BEGIN RECORD EXCERPTS
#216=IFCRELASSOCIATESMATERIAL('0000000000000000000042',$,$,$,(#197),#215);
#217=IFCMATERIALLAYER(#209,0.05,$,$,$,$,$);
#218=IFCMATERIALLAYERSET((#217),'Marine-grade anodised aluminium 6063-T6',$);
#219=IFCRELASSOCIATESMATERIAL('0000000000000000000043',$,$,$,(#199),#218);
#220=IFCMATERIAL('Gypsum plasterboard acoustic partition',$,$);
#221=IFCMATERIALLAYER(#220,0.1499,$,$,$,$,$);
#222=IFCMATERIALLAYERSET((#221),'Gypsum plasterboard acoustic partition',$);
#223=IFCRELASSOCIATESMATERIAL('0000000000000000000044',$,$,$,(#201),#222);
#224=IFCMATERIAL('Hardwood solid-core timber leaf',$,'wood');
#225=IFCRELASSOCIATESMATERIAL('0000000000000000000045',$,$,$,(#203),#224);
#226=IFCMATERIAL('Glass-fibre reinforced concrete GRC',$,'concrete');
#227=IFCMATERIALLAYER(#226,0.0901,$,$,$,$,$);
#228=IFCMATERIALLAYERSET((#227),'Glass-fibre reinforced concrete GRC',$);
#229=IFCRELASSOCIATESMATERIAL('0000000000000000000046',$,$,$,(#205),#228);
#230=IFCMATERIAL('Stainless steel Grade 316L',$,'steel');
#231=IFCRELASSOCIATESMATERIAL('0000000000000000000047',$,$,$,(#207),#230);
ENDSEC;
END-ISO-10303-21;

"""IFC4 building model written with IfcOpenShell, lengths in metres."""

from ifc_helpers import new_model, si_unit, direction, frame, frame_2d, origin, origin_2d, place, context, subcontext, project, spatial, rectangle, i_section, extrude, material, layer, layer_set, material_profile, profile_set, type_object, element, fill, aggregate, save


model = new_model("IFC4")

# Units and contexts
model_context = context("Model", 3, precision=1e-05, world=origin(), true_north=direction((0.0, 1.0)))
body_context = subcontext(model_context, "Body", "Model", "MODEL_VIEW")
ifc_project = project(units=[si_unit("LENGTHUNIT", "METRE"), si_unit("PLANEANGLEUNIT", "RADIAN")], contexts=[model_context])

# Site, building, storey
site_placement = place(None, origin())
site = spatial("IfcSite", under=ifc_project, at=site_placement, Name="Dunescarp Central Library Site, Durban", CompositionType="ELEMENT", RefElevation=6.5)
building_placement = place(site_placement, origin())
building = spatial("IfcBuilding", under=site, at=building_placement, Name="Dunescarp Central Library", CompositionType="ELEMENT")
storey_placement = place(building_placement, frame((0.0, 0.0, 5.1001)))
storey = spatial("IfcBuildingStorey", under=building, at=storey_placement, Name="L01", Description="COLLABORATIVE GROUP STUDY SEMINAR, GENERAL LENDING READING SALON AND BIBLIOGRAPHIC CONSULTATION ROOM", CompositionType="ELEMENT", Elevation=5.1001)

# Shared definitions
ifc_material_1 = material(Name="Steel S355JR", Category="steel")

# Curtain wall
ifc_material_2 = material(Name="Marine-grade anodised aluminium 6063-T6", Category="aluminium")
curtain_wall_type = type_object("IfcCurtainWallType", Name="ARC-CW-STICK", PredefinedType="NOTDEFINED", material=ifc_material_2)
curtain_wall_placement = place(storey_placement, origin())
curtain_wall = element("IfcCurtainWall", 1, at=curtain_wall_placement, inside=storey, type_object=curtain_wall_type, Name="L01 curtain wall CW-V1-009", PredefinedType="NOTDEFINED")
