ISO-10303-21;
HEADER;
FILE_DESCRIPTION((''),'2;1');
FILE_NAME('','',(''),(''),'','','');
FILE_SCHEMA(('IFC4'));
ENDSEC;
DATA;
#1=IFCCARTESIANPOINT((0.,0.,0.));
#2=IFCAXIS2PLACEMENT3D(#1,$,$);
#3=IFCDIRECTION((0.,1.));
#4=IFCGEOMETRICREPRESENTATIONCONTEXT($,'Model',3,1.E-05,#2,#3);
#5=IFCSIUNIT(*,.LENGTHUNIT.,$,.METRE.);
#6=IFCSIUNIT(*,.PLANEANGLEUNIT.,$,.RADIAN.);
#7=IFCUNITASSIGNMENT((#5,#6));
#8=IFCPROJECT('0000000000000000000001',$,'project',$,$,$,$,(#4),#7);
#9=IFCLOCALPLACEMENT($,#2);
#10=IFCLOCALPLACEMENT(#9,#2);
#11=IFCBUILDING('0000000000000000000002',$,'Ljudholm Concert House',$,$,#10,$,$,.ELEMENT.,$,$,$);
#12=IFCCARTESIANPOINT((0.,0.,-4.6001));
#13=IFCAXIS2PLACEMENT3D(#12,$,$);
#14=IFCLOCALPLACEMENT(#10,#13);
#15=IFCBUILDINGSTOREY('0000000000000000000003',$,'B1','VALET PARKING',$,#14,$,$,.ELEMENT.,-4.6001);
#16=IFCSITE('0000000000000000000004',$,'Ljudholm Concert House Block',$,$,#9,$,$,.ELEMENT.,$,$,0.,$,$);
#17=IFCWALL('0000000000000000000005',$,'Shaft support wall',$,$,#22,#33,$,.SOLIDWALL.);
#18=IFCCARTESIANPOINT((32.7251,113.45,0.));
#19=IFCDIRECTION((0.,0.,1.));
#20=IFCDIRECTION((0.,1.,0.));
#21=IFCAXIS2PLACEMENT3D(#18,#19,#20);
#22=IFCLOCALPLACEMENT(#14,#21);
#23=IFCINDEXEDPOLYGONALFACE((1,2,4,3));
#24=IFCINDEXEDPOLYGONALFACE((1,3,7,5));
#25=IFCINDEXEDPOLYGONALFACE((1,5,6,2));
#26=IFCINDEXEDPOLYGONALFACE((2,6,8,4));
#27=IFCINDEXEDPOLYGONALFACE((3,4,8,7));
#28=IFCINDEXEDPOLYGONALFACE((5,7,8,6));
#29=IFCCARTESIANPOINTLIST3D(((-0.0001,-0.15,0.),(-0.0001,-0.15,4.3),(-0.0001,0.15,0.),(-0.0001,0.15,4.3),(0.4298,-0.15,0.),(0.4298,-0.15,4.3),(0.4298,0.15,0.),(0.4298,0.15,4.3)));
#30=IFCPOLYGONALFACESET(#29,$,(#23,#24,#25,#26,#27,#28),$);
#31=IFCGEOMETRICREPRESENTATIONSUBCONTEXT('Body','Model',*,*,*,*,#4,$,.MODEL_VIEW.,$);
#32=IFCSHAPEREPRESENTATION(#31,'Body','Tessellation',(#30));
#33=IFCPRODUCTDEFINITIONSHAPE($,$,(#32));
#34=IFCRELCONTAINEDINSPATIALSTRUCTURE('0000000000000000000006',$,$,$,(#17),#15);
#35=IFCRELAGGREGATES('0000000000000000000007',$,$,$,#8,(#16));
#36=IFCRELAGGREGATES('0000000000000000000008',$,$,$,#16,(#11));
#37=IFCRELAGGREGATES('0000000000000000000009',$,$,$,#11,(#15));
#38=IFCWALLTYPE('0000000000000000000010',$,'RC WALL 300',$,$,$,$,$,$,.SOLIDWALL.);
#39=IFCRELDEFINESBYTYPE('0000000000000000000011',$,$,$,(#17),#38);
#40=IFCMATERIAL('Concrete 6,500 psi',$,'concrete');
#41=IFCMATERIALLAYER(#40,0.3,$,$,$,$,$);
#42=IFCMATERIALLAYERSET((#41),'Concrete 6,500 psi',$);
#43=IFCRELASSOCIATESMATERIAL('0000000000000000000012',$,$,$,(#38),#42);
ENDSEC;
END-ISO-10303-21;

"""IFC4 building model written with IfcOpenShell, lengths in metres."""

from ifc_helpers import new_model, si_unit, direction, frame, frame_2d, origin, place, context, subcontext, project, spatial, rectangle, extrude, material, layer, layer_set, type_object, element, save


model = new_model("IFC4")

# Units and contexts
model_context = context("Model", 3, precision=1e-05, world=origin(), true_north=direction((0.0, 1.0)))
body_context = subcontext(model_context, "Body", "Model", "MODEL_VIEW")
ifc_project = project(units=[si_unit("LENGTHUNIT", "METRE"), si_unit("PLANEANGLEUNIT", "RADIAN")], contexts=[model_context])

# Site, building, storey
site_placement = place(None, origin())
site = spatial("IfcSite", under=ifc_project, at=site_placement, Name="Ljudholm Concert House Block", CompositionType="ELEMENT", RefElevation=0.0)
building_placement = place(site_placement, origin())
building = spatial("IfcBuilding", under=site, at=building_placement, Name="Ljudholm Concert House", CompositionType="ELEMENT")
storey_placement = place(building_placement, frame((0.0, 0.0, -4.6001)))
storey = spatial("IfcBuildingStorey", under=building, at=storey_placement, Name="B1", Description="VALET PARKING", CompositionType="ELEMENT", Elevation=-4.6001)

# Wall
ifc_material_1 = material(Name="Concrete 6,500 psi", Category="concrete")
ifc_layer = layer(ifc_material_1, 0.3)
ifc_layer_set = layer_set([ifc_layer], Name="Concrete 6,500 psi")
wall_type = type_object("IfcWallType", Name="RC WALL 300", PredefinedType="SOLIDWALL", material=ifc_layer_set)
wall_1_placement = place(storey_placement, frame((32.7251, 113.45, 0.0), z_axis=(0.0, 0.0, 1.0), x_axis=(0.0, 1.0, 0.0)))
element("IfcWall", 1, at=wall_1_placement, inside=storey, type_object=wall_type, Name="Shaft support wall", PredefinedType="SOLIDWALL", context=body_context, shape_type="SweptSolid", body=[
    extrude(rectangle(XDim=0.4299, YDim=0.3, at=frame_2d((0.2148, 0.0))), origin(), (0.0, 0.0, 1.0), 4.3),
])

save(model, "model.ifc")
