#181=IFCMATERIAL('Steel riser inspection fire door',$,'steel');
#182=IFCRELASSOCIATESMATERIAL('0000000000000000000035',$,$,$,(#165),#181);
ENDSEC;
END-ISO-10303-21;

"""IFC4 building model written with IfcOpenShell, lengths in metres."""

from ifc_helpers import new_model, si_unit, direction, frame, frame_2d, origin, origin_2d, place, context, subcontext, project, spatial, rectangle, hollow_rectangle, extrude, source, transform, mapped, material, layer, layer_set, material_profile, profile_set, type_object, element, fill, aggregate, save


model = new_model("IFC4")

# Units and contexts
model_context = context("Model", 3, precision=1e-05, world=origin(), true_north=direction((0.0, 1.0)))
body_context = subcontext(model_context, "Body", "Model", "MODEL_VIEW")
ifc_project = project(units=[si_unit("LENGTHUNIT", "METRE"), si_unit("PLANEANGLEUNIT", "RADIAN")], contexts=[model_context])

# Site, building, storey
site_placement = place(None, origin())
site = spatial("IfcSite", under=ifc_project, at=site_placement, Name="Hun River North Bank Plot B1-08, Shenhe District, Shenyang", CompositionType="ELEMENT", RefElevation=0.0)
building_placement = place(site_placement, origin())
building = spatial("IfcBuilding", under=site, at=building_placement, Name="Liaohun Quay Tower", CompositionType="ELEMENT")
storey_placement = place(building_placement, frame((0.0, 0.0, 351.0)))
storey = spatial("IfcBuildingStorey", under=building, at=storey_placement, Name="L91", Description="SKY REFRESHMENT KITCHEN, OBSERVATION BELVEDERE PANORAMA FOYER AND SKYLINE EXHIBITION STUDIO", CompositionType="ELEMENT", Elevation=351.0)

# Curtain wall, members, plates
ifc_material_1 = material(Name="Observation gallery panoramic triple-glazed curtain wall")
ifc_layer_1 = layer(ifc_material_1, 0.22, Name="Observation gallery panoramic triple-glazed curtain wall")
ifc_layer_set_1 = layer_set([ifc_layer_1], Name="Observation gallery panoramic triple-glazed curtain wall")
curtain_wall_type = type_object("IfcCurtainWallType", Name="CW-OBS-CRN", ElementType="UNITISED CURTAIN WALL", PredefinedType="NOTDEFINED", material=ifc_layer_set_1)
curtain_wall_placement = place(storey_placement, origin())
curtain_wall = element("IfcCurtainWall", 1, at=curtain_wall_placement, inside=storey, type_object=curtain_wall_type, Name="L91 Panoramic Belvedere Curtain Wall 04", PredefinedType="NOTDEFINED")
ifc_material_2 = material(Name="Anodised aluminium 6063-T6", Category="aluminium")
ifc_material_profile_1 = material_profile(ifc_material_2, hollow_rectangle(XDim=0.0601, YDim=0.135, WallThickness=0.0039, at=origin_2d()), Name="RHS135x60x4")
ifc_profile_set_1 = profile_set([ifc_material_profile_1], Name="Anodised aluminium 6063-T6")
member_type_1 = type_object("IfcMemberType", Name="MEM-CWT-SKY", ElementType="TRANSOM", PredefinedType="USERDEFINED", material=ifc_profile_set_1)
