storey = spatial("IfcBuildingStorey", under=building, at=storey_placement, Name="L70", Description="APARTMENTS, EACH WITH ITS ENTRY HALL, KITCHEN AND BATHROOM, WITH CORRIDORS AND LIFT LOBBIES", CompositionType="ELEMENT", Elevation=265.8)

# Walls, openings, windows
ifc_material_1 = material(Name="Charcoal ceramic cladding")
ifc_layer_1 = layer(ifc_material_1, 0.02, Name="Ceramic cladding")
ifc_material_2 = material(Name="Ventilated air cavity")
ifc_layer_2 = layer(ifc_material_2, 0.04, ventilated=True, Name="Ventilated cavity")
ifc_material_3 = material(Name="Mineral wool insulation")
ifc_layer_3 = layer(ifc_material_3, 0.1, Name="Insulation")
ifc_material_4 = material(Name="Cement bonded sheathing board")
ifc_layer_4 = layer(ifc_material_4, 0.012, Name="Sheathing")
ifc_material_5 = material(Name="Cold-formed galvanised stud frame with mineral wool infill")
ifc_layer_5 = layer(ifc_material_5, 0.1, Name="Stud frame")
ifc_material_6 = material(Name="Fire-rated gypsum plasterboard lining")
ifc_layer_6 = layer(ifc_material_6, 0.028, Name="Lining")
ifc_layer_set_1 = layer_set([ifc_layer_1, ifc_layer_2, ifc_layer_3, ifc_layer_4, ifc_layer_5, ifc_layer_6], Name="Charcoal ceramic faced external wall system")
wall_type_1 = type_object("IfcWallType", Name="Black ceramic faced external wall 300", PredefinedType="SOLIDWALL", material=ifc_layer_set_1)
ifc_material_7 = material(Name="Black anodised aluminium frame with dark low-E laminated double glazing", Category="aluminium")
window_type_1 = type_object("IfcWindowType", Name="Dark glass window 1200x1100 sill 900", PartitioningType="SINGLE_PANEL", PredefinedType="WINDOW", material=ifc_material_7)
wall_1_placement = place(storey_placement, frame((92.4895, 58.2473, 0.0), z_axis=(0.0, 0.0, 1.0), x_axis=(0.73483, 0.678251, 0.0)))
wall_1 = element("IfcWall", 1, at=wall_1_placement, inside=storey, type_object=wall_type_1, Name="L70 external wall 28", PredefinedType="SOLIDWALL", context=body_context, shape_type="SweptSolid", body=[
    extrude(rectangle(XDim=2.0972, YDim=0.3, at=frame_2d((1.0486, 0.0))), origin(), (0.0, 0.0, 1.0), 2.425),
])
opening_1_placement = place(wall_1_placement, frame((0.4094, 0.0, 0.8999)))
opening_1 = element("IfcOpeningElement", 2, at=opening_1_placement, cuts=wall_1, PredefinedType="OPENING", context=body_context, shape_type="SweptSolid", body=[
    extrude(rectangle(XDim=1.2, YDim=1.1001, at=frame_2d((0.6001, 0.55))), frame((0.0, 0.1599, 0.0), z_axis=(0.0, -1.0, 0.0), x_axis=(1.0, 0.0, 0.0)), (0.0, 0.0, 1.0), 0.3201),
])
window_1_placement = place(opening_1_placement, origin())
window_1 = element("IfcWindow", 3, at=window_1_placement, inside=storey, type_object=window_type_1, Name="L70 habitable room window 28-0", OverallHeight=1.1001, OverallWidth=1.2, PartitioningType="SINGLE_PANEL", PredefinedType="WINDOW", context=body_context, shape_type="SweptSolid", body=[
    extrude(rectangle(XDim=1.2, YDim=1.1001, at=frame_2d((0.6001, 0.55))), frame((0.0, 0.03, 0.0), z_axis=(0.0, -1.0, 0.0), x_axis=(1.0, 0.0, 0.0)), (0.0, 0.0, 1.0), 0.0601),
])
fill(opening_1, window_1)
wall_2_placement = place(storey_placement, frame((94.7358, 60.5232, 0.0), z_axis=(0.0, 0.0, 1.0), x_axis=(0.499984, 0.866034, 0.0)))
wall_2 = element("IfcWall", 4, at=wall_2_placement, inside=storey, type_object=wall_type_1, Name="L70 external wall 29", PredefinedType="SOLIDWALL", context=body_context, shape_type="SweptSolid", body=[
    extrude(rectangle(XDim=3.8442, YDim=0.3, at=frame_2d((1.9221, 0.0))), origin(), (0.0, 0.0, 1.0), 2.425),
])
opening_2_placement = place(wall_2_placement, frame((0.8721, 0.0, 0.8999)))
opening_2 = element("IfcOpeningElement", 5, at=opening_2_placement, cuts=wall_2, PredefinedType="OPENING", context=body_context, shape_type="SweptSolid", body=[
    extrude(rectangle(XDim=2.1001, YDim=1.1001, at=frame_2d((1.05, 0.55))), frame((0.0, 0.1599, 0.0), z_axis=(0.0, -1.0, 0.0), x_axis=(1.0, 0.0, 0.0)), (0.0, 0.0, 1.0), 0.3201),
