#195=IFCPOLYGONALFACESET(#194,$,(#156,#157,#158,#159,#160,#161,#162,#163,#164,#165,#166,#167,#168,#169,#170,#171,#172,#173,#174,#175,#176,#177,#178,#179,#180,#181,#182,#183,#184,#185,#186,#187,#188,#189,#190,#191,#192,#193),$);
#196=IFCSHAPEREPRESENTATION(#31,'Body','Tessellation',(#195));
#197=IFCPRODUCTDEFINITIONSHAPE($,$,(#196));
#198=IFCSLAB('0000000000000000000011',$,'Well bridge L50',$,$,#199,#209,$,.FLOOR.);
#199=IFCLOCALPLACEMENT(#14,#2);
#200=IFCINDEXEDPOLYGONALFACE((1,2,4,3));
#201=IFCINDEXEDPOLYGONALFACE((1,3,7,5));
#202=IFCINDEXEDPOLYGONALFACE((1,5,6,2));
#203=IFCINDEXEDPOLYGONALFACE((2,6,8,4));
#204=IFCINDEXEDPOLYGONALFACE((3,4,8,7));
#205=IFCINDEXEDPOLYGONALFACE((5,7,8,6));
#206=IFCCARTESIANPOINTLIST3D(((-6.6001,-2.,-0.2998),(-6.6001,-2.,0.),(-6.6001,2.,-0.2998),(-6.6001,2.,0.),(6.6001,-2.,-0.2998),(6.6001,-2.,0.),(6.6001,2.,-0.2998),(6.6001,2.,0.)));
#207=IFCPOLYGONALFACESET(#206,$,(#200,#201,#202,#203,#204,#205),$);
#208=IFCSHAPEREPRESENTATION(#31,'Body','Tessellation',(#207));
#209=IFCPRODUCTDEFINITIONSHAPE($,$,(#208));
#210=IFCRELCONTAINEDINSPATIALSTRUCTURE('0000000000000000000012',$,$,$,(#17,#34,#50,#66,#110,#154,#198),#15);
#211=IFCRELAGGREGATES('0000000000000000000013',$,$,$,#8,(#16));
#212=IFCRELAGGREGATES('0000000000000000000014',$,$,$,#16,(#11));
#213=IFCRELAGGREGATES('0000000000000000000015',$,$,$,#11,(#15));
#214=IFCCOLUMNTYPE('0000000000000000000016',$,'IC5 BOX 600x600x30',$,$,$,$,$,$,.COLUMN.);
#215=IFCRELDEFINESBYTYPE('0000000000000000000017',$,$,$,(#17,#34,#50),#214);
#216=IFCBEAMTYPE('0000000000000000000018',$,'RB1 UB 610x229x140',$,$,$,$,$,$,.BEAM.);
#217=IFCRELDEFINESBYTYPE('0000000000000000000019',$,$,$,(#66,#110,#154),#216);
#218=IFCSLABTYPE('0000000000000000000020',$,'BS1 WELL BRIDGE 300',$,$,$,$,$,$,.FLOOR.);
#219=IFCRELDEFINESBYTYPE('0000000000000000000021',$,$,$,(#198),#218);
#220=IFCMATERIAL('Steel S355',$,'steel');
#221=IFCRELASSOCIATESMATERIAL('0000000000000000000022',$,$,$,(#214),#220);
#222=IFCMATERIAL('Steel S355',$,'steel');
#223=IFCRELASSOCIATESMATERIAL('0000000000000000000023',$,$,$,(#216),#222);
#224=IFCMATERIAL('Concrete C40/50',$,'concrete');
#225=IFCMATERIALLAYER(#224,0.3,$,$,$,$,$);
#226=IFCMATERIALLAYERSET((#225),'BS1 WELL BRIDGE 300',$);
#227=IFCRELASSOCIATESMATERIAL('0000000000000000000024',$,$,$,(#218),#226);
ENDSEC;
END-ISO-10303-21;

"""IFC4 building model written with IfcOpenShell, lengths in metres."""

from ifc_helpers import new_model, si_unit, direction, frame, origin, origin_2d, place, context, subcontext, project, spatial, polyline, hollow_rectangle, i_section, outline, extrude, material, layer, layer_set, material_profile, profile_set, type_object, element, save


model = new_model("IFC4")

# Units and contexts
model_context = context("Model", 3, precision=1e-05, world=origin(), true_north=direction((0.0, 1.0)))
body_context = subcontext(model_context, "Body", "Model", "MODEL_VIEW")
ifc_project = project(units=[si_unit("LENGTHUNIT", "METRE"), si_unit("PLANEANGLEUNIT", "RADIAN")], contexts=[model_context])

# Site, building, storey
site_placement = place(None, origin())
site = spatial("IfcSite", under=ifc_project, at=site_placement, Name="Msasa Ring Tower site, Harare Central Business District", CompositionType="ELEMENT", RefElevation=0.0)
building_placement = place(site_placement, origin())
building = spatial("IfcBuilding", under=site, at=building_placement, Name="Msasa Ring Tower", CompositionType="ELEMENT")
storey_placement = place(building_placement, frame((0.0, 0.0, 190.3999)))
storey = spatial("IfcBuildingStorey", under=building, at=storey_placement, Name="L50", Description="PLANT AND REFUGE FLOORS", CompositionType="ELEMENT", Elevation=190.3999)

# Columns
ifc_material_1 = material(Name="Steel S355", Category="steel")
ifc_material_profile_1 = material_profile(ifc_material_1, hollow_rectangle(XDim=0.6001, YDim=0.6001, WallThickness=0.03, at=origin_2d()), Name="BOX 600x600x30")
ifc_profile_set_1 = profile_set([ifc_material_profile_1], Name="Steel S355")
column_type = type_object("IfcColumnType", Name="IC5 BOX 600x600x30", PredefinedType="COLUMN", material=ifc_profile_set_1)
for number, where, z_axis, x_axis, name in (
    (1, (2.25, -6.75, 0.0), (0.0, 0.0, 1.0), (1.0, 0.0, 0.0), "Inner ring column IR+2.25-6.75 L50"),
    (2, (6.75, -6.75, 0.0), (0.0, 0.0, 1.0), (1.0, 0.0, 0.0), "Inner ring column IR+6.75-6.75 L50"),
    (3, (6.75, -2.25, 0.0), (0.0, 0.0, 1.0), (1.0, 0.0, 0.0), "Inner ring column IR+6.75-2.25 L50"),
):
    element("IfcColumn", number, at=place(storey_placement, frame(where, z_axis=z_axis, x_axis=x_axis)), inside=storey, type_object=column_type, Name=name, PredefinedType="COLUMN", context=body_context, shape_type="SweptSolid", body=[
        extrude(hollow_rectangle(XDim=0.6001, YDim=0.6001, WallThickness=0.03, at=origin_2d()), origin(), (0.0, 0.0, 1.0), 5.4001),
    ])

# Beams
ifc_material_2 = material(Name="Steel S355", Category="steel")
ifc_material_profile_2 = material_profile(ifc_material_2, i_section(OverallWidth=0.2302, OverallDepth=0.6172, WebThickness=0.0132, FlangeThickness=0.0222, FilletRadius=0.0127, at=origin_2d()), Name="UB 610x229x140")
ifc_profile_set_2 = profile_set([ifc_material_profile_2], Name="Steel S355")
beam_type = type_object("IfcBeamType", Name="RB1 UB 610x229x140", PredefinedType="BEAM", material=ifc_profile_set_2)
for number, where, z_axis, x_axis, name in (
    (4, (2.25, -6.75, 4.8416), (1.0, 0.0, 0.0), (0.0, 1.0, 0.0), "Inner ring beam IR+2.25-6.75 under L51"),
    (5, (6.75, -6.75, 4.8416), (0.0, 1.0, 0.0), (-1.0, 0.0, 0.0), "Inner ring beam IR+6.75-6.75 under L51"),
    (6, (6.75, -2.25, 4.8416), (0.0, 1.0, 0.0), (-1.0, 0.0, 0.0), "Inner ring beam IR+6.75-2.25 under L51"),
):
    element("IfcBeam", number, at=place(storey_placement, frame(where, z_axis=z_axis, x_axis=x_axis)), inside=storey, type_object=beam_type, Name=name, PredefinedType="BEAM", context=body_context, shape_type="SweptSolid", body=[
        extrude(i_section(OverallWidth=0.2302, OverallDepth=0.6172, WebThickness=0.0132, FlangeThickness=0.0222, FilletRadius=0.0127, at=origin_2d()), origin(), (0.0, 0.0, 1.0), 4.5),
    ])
END RECORD EXCERPTS
*TASK TO CARRY OUT*
Send back an exact copy of only the lines from the line with "#7=IFCUNITASSIGNMENT((#5,#6));" up to and including the line with "#26=IFCINDEXEDPOLYGONALFACE((2,6,8,4));" in the data above.

*PROBLEM SOLUTION*
#7=IFCUNITASSIGNMENT((#5,#6));
#8=IFCPROJECT('0000000000000000000001',$,'project',$,$,$,$,(#4),#7);
#9=IFCLOCALPLACEMENT($,#2);
#10=IFCLOCALPLACEMENT(#9,#2);
#11=IFCBUILDING('0000000000000000000002',$,'Ljudholm Concert House',$,$,#10,$,$,.ELEMENT.,$,$,$);
#12=IFCCARTESIANPOINT((0.,0.,-4.6001));
#13=IFCAXIS2PLACEMENT3D(#12,$,$);
#14=IFCLOCALPLACEMENT(#10,#13);
#15=IFCBUILDINGSTOREY('0000000000000000000003',$,'B1','VALET PARKING',$,#14,$,$,.ELEMENT.,-4.6001);
#16=IFCSITE('0000000000000000000004',$,'Ljudholm Concert House Block',$,$,#9,$,$,.ELEMENT.,$,$,0.,$,$);
#17=IFCWALL('0000000000000000000005',$,'Shaft support wall',$,$,#22,#33,$,.SOLIDWALL.);
#18=IFCCARTESIANPOINT((32.7251,113.45,0.));
#19=IFCDIRECTION((0.,0.,1.));
#20=IFCDIRECTION((0.,1.,0.));
#21=IFCAXIS2PLACEMENT3D(#18,#19,#20);
#22=IFCLOCALPLACEMENT(#14,#21);
#23=IFCINDEXEDPOLYGONALFACE((1,2,4,3));
#24=IFCINDEXEDPOLYGONALFACE((1,3,7,5));
#25=IFCINDEXEDPOLYGONALFACE((1,5,6,2));
#26=IFCINDEXEDPOLYGONALFACE((2,6,8,4));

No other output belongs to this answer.